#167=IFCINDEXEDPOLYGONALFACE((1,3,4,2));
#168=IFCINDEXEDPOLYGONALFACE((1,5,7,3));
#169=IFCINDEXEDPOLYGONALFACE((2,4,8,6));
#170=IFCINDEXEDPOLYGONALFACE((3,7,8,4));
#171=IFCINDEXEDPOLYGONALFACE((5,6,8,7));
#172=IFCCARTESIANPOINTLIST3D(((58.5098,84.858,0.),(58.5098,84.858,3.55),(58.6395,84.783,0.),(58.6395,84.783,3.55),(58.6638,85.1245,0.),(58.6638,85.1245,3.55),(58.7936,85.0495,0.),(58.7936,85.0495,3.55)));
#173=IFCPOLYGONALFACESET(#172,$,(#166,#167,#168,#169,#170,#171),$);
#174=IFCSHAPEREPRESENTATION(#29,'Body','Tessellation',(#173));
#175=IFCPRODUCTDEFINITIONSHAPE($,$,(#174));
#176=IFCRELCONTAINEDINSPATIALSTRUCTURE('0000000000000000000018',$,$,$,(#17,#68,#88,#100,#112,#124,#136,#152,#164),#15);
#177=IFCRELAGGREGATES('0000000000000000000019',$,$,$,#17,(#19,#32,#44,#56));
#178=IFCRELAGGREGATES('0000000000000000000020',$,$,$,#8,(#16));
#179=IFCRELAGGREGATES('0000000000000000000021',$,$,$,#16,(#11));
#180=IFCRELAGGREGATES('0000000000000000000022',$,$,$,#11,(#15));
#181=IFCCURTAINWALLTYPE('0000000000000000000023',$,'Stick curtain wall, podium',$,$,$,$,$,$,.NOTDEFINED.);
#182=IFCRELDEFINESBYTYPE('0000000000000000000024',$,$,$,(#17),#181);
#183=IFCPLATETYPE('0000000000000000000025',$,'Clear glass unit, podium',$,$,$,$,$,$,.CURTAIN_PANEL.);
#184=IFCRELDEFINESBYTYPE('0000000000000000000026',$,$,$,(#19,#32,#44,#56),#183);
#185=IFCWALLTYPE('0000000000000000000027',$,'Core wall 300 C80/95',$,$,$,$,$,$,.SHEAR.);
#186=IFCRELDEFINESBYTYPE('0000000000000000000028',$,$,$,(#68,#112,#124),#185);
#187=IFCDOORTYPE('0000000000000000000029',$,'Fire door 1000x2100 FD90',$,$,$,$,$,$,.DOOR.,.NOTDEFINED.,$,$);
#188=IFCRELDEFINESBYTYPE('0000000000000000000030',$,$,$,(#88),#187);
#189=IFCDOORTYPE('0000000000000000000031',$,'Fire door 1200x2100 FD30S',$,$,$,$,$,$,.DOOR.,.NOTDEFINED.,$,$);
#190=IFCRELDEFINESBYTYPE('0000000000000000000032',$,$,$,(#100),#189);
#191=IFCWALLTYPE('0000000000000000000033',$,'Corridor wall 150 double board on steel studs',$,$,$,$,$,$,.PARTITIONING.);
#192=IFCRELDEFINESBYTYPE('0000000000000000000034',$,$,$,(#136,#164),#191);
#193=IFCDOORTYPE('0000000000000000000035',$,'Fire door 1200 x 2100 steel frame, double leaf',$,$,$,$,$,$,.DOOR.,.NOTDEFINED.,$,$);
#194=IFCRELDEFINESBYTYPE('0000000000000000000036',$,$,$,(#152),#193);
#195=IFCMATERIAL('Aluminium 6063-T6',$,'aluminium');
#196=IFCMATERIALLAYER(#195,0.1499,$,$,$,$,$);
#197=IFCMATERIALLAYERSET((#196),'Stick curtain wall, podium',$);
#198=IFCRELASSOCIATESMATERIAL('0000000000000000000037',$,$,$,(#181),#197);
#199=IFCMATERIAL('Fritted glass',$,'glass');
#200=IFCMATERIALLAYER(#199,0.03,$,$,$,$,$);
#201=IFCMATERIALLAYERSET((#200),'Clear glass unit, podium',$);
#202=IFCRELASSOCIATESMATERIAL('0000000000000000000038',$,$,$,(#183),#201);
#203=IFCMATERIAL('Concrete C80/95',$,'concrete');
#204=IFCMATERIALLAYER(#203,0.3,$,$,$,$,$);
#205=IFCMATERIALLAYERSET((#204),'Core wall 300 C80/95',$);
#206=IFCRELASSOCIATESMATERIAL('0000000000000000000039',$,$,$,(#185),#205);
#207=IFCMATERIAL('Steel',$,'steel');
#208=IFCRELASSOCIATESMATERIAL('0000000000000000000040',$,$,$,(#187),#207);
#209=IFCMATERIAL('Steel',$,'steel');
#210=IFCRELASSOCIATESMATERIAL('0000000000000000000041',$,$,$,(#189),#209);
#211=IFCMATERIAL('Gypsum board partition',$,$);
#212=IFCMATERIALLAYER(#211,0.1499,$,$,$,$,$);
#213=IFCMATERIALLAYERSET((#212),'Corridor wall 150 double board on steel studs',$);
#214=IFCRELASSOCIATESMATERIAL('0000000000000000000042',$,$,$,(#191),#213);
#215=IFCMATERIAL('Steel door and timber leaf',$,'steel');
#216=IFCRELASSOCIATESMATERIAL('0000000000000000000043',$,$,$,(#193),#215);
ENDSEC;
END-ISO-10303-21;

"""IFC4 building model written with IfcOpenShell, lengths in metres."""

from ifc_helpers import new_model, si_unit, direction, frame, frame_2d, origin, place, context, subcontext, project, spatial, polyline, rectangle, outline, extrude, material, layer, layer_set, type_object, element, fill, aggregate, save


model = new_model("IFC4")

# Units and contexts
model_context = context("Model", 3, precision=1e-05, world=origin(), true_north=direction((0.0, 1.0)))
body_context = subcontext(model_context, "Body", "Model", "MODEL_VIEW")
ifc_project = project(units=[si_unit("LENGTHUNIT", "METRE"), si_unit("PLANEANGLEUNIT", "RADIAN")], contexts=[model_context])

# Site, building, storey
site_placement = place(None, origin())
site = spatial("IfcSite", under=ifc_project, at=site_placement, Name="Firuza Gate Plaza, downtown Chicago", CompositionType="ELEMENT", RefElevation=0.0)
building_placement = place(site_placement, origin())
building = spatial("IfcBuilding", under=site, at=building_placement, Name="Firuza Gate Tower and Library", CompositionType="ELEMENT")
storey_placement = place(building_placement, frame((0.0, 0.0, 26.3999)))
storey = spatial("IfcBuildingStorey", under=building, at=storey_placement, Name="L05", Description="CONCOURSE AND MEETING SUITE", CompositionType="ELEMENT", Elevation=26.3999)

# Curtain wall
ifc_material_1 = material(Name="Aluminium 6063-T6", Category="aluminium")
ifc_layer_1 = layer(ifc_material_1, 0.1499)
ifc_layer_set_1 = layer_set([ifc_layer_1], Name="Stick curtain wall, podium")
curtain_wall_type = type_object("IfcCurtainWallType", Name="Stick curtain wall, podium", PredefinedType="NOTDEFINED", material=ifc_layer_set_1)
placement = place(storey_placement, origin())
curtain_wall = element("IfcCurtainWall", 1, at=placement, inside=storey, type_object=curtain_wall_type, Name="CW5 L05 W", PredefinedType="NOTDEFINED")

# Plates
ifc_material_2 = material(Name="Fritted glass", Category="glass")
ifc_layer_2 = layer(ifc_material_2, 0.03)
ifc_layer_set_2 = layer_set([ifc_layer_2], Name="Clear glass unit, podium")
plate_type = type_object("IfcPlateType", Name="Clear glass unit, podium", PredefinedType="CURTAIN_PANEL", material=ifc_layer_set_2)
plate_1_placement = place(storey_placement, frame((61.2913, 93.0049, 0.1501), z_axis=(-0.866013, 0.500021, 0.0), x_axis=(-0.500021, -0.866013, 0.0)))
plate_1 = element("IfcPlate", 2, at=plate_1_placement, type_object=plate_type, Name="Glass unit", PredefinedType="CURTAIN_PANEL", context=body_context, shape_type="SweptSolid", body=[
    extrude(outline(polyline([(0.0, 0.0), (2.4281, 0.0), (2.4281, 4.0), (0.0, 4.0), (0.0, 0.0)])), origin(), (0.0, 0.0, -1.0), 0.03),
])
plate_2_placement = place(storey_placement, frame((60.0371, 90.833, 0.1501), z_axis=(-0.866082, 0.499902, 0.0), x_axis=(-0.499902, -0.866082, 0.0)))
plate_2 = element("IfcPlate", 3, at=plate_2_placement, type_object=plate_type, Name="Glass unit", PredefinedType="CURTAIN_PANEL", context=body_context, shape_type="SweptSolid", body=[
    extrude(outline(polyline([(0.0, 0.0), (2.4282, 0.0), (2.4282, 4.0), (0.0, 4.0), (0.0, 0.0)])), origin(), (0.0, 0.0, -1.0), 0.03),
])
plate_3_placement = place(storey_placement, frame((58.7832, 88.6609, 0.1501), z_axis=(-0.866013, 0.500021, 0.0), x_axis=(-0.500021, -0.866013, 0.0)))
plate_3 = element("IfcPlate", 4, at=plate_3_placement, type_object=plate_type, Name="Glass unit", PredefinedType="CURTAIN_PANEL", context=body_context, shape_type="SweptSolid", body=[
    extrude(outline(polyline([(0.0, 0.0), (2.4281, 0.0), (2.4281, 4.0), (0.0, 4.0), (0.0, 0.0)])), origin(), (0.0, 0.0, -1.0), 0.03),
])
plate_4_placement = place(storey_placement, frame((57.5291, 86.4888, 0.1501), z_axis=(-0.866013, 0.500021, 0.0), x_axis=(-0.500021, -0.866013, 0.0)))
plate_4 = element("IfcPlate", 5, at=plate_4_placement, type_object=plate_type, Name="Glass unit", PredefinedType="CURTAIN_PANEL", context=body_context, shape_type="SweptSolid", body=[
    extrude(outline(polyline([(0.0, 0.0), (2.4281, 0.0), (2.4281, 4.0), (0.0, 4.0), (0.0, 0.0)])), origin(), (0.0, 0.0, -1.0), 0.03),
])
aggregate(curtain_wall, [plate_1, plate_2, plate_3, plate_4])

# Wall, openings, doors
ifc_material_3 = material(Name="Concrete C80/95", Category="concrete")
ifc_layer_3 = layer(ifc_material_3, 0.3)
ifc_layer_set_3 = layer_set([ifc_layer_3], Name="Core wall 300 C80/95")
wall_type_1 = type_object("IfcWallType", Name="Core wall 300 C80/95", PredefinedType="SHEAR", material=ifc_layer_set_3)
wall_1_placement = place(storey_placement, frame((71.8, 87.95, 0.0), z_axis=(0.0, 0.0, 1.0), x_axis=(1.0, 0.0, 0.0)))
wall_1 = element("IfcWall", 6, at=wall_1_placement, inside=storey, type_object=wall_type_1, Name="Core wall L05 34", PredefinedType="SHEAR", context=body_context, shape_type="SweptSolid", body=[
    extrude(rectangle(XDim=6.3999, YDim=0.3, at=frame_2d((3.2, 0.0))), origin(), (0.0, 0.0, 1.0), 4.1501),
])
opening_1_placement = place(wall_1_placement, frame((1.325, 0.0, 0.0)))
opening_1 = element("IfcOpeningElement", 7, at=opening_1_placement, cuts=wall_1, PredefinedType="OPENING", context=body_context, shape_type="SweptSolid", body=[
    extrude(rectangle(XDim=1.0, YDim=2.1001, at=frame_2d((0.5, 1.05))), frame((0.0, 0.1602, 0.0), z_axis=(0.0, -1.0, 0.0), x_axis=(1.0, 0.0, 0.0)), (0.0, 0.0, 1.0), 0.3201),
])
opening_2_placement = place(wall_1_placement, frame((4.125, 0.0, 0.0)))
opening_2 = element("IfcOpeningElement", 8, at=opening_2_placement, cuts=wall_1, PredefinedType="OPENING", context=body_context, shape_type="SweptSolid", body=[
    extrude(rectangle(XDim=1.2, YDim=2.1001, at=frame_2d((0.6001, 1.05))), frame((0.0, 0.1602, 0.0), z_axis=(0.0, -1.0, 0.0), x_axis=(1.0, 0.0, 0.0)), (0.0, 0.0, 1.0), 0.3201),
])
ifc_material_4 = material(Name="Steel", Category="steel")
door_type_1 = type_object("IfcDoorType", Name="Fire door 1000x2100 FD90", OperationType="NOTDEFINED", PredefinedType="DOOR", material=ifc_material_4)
==
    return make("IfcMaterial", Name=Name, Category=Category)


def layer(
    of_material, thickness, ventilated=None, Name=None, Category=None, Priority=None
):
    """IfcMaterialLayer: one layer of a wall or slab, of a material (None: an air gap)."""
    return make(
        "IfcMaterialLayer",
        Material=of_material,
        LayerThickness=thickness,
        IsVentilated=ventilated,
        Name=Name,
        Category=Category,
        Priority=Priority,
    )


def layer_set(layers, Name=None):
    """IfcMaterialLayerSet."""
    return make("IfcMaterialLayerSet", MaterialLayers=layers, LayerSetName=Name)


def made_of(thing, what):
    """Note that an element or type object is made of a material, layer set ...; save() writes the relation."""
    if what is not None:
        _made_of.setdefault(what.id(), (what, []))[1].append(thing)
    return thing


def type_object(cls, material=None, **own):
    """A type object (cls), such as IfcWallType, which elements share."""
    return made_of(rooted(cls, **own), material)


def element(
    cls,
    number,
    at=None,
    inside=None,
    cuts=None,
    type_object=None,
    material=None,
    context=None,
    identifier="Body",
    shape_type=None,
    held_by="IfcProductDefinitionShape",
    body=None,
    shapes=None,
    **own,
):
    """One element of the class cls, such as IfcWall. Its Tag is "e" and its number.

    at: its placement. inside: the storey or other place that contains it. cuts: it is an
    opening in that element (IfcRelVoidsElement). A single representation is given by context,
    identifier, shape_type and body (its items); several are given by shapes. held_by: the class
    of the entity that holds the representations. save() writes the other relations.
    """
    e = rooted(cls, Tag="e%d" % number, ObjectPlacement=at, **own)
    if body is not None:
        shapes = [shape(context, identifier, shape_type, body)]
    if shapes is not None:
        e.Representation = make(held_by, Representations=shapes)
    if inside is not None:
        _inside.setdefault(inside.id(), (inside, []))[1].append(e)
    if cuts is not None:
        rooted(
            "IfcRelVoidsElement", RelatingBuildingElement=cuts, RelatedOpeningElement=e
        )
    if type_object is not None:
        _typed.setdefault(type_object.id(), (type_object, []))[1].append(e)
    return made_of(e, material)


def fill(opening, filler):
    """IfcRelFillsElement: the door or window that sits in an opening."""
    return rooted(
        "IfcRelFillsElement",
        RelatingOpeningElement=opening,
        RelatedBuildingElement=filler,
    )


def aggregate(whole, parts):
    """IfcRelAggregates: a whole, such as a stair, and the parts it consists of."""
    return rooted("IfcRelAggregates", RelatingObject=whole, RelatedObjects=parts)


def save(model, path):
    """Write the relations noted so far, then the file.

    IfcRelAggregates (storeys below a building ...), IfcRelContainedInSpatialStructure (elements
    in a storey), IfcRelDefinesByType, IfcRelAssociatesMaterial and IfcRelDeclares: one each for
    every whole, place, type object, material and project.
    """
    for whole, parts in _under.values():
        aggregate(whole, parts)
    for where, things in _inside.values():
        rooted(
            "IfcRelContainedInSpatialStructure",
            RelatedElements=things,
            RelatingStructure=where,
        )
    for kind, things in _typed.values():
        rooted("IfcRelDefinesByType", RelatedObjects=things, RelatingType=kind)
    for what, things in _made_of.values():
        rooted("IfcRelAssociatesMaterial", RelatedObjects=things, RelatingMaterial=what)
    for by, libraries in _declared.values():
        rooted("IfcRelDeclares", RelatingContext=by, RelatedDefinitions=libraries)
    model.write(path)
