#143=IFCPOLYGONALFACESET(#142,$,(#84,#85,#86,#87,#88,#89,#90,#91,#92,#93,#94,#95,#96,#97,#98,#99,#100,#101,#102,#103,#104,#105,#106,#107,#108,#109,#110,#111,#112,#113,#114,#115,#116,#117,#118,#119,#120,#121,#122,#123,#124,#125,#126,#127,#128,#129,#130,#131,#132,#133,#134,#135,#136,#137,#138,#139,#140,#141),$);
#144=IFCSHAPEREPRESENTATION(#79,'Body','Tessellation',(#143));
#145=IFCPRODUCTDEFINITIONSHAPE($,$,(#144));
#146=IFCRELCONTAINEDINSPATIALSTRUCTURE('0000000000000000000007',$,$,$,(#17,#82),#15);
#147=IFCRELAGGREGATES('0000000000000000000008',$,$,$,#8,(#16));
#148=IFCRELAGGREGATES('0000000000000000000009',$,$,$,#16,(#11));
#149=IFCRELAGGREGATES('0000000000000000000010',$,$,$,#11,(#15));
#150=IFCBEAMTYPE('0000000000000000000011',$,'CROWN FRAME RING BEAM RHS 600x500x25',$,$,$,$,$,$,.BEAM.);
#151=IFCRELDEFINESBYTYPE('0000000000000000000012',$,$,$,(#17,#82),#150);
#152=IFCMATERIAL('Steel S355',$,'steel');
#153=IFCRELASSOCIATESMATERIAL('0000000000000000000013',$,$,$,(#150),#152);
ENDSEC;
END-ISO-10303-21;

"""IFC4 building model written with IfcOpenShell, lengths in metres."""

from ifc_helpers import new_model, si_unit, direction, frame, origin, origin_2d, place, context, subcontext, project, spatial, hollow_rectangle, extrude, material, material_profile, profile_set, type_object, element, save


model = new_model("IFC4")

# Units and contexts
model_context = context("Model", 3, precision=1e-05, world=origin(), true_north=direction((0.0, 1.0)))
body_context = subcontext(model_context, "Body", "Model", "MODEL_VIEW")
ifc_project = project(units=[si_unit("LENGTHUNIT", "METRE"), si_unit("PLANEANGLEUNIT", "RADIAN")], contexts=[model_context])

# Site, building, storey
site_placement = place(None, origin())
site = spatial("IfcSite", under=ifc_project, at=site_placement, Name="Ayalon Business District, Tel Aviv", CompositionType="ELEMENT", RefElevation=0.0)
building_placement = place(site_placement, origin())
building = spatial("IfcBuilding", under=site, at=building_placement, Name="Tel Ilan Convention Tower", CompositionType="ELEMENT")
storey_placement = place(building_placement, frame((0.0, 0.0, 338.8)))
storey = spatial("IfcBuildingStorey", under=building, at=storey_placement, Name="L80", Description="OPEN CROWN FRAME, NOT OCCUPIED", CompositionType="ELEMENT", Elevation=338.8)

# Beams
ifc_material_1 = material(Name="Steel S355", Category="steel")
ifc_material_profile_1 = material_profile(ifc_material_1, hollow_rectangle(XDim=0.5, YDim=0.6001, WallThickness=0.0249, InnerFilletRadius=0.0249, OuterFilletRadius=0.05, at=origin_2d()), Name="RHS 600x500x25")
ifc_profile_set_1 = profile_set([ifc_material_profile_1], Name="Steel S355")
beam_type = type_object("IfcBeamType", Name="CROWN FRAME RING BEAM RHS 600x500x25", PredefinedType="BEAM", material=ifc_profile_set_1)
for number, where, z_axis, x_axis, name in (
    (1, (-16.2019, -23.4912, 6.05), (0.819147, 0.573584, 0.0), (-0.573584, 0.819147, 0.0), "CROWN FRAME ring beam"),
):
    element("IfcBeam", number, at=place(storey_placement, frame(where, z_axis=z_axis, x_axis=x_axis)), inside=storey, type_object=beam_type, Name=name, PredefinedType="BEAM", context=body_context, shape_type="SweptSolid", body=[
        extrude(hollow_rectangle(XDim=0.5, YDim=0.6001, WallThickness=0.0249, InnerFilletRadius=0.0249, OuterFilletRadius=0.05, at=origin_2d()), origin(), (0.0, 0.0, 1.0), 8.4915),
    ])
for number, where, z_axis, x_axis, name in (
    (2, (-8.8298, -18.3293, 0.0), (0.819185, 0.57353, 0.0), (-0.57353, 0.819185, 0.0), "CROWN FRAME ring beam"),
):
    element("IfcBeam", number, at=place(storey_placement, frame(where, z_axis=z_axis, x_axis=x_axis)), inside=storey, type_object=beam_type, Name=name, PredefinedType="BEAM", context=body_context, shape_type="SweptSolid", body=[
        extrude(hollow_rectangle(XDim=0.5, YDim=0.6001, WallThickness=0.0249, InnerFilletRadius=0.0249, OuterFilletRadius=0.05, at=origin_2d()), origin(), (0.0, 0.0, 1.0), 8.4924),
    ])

● PROBLEM TO SOLVE
Above are the records. Copy the lines beginning at the one that has "#167=IFCINDEXEDPOLYGONALFACE((1,3,4,2));" and ending with the one that has "#179=IFCRELAGGREGATES('0000000000000000000021',$,$,$,#16,(#11));", unchanged.

● RESPONSE FOR THIS EXERCISE
#167=IFCINDEXEDPOLYGONALFACE((1,3,4,2));
#168=IFCINDEXEDPOLYGONALFACE((1,5,7,3));
#169=IFCINDEXEDPOLYGONALFACE((2,4,8,6));
#170=IFCINDEXEDPOLYGONALFACE((3,7,8,4));
#171=IFCINDEXEDPOLYGONALFACE((5,6,8,7));
#172=IFCCARTESIANPOINTLIST3D(((58.5098,84.858,0.),(58.5098,84.858,3.55),(58.6395,84.783,0.),(58.6395,84.783,3.55),(58.6638,85.1245,0.),(58.6638,85.1245,3.55),(58.7936,85.0495,0.),(58.7936,85.0495,3.55)));
#173=IFCPOLYGONALFACESET(#172,$,(#166,#167,#168,#169,#170,#171),$);
#174=IFCSHAPEREPRESENTATION(#29,'Body','Tessellation',(#173));
#175=IFCPRODUCTDEFINITIONSHAPE($,$,(#174));
#176=IFCRELCONTAINEDINSPATIALSTRUCTURE('0000000000000000000018',$,$,$,(#17,#68,#88,#100,#112,#124,#136,#152,#164),#15);
#177=IFCRELAGGREGATES('0000000000000000000019',$,$,$,#17,(#19,#32,#44,#56));
#178=IFCRELAGGREGATES('0000000000000000000020',$,$,$,#8,(#16));
#179=IFCRELAGGREGATES('0000000000000000000021',$,$,$,#16,(#11));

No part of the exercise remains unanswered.